GIVEN DATA:
----------

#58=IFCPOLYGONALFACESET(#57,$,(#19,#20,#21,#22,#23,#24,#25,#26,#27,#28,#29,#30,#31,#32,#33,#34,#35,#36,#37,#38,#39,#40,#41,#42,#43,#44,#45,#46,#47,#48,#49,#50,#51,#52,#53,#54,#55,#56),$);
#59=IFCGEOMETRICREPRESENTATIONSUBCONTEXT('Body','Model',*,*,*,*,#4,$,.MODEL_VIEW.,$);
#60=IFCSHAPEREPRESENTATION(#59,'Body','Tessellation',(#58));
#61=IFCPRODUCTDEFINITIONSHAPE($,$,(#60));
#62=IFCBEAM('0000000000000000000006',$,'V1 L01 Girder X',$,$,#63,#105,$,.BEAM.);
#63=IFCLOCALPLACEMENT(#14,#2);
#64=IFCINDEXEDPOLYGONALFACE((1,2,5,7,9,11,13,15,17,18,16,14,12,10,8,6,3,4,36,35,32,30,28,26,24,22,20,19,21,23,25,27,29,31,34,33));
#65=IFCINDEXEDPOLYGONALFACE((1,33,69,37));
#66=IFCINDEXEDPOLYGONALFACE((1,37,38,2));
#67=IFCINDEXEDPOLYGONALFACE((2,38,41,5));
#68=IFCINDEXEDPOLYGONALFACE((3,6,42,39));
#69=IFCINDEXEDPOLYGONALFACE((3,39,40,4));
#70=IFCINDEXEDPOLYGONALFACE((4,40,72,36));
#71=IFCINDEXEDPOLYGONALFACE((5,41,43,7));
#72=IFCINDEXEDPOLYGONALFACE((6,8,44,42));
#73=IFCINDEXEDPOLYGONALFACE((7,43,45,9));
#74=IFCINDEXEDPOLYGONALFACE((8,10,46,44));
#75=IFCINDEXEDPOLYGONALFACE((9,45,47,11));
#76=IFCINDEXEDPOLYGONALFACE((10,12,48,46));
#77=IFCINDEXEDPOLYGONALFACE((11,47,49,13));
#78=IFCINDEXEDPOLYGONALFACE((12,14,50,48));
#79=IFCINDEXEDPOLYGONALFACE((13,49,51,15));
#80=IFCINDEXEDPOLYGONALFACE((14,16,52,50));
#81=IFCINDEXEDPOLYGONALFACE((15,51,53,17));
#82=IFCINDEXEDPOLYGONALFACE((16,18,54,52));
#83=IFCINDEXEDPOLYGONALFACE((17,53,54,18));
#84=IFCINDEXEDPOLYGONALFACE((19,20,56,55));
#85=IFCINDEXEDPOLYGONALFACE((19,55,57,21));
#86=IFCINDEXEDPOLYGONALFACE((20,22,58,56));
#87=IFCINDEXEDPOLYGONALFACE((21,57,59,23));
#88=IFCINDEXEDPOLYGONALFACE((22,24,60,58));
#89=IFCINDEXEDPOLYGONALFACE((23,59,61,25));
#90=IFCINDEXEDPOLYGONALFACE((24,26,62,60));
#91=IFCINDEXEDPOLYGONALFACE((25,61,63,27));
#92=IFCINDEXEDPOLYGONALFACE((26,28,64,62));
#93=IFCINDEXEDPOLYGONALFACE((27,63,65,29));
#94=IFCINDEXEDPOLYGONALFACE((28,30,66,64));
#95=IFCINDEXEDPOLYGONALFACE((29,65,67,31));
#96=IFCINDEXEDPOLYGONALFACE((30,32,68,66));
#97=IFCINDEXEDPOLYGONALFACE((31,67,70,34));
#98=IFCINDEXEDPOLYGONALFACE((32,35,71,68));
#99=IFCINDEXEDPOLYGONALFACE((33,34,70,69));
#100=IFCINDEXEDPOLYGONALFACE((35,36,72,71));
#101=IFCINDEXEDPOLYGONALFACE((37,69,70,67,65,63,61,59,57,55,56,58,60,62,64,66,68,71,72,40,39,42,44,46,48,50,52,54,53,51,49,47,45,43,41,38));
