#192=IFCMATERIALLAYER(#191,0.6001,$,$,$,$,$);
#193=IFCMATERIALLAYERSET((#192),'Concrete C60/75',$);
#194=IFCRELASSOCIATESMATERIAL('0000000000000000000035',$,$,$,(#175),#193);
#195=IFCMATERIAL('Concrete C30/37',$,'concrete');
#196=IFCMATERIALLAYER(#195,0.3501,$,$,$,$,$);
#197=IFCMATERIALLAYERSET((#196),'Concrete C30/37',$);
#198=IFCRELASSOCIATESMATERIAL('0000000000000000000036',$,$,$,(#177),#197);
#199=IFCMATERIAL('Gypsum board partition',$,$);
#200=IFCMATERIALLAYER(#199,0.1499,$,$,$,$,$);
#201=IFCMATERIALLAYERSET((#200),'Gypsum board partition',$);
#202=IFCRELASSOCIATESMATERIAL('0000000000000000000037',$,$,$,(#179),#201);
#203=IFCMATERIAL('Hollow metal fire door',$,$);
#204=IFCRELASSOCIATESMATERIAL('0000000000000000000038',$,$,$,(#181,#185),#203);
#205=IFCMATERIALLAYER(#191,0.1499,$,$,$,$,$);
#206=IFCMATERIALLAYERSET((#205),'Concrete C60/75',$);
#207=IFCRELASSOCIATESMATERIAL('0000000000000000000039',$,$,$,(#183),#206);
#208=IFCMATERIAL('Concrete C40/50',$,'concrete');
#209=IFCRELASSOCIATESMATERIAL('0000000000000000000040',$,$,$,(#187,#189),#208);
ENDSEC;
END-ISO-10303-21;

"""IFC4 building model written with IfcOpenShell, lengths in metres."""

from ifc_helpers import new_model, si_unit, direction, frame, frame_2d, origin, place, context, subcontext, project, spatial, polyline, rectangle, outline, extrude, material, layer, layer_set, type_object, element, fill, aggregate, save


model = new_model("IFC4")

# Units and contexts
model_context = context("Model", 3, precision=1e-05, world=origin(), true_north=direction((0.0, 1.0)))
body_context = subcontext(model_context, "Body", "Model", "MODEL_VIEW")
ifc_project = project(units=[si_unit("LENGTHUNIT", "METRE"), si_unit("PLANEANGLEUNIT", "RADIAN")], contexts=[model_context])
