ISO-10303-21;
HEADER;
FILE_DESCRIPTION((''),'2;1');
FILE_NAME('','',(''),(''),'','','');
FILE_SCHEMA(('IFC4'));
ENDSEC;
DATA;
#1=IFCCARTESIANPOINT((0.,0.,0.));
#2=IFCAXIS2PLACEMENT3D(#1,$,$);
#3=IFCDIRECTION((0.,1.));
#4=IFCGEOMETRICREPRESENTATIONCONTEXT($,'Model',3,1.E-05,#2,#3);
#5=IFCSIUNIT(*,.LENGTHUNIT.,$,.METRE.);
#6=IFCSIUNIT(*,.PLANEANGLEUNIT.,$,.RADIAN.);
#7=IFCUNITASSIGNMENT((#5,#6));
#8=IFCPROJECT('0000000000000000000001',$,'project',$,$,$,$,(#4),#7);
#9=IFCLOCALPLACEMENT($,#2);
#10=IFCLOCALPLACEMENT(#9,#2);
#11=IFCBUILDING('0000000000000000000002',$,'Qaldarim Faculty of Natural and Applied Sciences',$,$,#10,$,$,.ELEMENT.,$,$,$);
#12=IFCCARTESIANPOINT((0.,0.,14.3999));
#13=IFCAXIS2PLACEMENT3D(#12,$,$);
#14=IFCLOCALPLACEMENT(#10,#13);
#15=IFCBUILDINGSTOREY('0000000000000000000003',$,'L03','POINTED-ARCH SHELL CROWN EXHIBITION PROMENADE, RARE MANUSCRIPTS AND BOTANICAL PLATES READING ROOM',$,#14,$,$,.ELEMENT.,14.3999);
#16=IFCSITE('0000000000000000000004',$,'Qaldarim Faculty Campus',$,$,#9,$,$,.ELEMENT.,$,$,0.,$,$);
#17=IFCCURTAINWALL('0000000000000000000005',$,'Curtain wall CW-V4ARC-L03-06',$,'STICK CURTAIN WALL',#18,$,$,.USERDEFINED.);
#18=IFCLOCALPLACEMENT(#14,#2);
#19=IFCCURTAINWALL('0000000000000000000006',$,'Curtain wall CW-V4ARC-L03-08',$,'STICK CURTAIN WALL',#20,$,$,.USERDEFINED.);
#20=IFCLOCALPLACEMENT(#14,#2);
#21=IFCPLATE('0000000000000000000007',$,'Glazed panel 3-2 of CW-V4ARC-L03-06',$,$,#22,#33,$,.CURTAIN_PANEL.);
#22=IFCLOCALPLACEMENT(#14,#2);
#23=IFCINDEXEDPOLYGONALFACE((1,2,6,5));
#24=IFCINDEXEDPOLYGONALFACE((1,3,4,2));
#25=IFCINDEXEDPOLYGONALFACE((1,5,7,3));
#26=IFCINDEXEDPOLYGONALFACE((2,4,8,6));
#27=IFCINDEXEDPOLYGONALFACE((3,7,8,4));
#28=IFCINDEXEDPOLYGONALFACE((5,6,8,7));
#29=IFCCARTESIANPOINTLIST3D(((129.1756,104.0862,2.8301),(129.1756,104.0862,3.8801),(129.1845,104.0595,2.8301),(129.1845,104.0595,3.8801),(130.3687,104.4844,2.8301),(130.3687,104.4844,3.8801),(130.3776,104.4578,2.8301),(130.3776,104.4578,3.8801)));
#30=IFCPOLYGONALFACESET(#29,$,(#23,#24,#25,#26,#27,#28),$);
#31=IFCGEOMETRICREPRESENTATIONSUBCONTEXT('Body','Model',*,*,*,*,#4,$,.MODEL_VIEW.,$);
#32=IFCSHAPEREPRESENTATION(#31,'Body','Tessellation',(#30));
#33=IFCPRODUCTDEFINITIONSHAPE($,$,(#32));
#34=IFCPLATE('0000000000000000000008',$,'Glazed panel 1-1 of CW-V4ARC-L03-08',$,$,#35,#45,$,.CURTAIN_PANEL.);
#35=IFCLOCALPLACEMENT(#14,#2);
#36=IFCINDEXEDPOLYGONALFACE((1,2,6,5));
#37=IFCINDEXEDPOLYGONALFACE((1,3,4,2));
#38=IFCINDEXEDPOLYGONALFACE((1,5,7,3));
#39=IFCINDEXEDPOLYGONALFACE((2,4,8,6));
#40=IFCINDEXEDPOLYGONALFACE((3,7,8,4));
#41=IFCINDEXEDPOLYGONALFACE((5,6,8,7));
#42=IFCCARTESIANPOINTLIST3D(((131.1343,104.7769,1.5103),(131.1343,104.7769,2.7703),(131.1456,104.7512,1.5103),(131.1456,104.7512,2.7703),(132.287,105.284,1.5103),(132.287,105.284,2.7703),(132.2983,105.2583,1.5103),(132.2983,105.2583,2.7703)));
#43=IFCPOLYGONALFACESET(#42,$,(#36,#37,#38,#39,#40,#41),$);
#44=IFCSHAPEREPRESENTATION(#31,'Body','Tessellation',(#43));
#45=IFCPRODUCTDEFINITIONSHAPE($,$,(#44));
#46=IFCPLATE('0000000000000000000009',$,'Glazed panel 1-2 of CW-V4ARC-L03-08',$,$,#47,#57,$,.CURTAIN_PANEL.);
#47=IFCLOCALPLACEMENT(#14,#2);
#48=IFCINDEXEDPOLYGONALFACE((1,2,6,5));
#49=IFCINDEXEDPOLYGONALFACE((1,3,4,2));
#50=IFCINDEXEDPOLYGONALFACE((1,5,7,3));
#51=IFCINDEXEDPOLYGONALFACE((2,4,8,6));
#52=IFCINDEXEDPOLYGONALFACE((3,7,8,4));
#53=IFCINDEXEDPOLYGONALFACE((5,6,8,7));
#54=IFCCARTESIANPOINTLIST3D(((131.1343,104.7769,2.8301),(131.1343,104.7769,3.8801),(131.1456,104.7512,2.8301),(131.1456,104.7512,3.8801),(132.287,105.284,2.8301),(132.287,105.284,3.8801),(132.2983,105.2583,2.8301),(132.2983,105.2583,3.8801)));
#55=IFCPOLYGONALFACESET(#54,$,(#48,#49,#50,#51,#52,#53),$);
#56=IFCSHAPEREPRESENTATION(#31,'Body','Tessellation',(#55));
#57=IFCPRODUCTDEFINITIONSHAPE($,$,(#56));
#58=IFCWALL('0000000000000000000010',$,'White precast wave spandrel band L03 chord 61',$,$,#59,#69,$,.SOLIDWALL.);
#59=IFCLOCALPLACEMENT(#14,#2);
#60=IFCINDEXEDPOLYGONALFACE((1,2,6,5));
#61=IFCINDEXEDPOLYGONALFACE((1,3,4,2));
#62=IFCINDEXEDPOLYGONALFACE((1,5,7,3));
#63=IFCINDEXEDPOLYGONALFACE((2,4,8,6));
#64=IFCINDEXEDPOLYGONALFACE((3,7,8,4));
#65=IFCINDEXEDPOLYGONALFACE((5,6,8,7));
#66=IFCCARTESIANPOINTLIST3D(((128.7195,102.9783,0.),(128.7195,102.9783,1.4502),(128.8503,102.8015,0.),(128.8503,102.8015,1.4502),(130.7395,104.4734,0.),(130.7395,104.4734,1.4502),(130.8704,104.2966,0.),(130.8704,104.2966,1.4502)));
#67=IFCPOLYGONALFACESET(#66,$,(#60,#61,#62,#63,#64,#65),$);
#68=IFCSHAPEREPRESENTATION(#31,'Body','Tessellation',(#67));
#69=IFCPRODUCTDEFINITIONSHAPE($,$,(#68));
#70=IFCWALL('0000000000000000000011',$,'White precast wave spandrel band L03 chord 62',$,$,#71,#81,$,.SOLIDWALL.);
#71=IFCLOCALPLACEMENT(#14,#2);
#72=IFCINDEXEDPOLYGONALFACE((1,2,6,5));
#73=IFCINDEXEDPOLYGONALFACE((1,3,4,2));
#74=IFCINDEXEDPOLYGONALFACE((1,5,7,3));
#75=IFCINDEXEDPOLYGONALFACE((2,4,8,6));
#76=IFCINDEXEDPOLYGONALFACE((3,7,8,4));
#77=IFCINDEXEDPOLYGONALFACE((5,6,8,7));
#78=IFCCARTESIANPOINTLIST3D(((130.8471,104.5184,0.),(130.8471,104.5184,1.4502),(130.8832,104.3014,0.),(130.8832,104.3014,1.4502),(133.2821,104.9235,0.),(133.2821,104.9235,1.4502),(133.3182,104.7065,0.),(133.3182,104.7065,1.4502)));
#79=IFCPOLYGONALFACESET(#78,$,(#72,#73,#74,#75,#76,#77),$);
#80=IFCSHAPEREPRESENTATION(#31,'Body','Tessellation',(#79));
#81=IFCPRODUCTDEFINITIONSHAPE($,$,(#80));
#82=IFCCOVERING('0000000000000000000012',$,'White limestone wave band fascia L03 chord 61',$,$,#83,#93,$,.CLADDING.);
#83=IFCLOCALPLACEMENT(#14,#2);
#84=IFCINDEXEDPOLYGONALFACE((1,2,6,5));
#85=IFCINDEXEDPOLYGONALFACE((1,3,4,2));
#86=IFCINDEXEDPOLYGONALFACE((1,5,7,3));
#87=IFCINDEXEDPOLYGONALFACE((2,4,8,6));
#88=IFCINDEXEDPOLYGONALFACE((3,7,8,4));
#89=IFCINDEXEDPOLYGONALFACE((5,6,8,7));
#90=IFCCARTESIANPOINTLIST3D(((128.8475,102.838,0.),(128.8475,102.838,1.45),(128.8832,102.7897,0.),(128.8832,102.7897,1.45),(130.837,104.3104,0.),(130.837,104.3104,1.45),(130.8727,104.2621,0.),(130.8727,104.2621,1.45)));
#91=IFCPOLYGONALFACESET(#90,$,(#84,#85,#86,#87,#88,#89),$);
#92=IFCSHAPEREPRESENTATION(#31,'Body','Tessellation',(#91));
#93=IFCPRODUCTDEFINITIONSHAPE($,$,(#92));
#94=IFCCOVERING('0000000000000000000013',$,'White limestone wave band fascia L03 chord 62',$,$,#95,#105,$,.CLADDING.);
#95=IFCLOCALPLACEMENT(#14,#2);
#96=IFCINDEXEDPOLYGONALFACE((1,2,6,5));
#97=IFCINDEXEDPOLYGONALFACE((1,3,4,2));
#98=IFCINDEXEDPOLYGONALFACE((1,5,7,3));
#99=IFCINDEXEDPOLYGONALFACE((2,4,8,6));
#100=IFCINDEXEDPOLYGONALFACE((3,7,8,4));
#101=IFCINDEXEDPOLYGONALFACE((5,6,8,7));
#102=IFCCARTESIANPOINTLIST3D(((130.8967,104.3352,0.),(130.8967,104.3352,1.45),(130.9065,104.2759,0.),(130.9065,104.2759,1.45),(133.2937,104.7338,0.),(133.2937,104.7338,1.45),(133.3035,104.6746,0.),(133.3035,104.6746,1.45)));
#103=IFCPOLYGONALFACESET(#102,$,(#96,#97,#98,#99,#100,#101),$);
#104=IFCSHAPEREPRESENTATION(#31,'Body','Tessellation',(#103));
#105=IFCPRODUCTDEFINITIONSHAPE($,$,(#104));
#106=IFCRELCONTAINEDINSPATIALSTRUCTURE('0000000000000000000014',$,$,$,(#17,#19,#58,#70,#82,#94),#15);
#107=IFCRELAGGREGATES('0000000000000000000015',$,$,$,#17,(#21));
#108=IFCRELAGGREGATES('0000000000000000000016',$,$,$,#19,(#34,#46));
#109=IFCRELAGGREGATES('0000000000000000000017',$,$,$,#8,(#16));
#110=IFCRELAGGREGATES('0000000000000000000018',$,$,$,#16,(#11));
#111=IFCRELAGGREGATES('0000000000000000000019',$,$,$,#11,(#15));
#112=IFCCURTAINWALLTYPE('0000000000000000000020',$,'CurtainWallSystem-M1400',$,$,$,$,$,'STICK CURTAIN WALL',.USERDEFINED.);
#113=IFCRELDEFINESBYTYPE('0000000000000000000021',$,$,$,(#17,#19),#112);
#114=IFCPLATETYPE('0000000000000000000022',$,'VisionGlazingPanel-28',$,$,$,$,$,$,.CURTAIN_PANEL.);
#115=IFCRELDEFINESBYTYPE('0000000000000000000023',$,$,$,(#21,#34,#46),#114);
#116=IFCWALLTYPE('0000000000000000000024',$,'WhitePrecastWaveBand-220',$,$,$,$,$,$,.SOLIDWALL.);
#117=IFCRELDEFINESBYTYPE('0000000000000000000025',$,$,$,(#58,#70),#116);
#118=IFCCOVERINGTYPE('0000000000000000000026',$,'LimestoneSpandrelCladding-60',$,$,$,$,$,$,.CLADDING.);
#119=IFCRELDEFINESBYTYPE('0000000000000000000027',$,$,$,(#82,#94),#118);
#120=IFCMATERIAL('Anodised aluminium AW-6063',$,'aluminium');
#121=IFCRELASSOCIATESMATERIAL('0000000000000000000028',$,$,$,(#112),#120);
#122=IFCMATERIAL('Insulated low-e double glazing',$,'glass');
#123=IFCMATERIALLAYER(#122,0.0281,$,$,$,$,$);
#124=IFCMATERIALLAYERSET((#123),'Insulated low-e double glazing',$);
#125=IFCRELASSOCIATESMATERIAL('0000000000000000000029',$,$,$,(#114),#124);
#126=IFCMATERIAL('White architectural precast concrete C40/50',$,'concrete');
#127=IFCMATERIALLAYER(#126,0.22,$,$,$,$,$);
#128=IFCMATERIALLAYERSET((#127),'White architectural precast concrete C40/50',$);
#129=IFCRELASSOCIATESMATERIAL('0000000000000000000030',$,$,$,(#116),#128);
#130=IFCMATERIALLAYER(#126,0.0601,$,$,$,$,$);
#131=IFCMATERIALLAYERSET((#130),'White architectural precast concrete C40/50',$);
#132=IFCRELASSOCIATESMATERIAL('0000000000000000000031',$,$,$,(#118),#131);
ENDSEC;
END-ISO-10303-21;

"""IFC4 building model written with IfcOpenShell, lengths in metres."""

from ifc_helpers import new_model, si_unit, direction, frame, frame_2d, origin, origin_2d, place, context, subcontext, project, spatial, rectangle, extrude, material, layer, layer_set, type_object, element, aggregate, save


model = new_model("IFC4")

# Units and contexts
model_context = context("Model", 3, precision=1e-05, world=origin(), true_north=direction((0.0, 1.0)))
body_context = subcontext(model_context, "Body", "Model", "MODEL_VIEW")
ifc_project = project(units=[si_unit("LENGTHUNIT", "METRE"), si_unit("PLANEANGLEUNIT", "RADIAN")], contexts=[model_context])

# Site, building, storey
site_placement = place(None, origin())
site = spatial("IfcSite", under=ifc_project, at=site_placement, Name="Qaldarim Faculty Campus", CompositionType="ELEMENT", RefElevation=0.0)
building_placement = place(site_placement, origin())
building = spatial("IfcBuilding", under=site, at=building_placement, Name="Qaldarim Faculty of Natural and Applied Sciences", CompositionType="ELEMENT")
storey_placement = place(building_placement, frame((0.0, 0.0, 14.3999)))
storey = spatial("IfcBuildingStorey", under=building, at=storey_placement, Name="L03", Description="POINTED-ARCH SHELL CROWN EXHIBITION PROMENADE, RARE MANUSCRIPTS AND BOTANICAL PLATES READING ROOM", CompositionType="ELEMENT", Elevation=14.3999)

# Curtain walls
ifc_material_1 = material(Name="Anodised aluminium AW-6063", Category="aluminium")
curtain_wall_type = type_object("IfcCurtainWallType", Name="CurtainWallSystem-M1400", ElementType="STICK CURTAIN WALL", PredefinedType="USERDEFINED", material=ifc_material_1)
curtain_wall_1_placement = place(storey_placement, origin())
curtain_wall_1 = element("IfcCurtainWall", 1, at=curtain_wall_1_placement, inside=storey, type_object=curtain_wall_type, Name="Curtain wall CW-V4ARC-L03-06", ObjectType="STICK CURTAIN WALL", PredefinedType="USERDEFINED")
curtain_wall_2_placement = place(storey_placement, origin())
curtain_wall_2 = element("IfcCurtainWall", 2, at=curtain_wall_2_placement, inside=storey, type_object=curtain_wall_type, Name="Curtain wall CW-V4ARC-L03-08", ObjectType="STICK CURTAIN WALL", PredefinedType="USERDEFINED")

# Plates
ifc_material_2 = material(Name="Insulated low-e double glazing", Category="glass")
ifc_layer_1 = layer(ifc_material_2, 0.0281)
ifc_layer_set_1 = layer_set([ifc_layer_1], Name="Insulated low-e double glazing")
plate_type = type_object("IfcPlateType", Name="VisionGlazingPanel-28", PredefinedType="CURTAIN_PANEL", material=ifc_layer_set_1)
plate_1_placement = place(storey_placement, frame((129.7766, 104.272, 2.8301), z_axis=(0.0, 0.0, 1.0), x_axis=(0.948562, 0.316593, 0.0)))
plate_1 = element("IfcPlate", 3, at=plate_1_placement, type_object=plate_type, Name="Glazed panel 3-2 of CW-V4ARC-L03-06", PredefinedType="CURTAIN_PANEL", context=body_context, shape_type="SweptSolid", body=[
    extrude(rectangle(XDim=1.2578, YDim=0.0281, at=origin_2d()), origin(), (0.0, 0.0, 1.0), 1.05),
])
aggregate(curtain_wall_1, [plate_1])
plate_2_placement = place(storey_placement, frame((131.7163, 105.0176, 1.5103), z_axis=(0.0, 0.0, 1.0), x_axis=(0.915333, 0.402699, 0.0)))
plate_2 = element("IfcPlate", 4, at=plate_2_placement, type_object=plate_type, Name="Glazed panel 1-1 of CW-V4ARC-L03-08", PredefinedType="CURTAIN_PANEL", context=body_context, shape_type="SweptSolid", body=[
    extrude(rectangle(XDim=1.2593, YDim=0.0281, at=origin_2d()), origin(), (0.0, 0.0, 1.0), 1.26),
])
plate_3_placement = place(storey_placement, frame((131.7163, 105.0176, 2.8301), z_axis=(0.0, 0.0, 1.0), x_axis=(0.915333, 0.402699, 0.0)))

----------

ACTIVITY: Go through the data above and copy each line that holds the word "partition".

ANSWER BELOW:
#199=IFCMATERIAL('Gypsum board partition',$,$);
#201=IFCMATERIALLAYERSET((#200),'Gypsum board partition',$);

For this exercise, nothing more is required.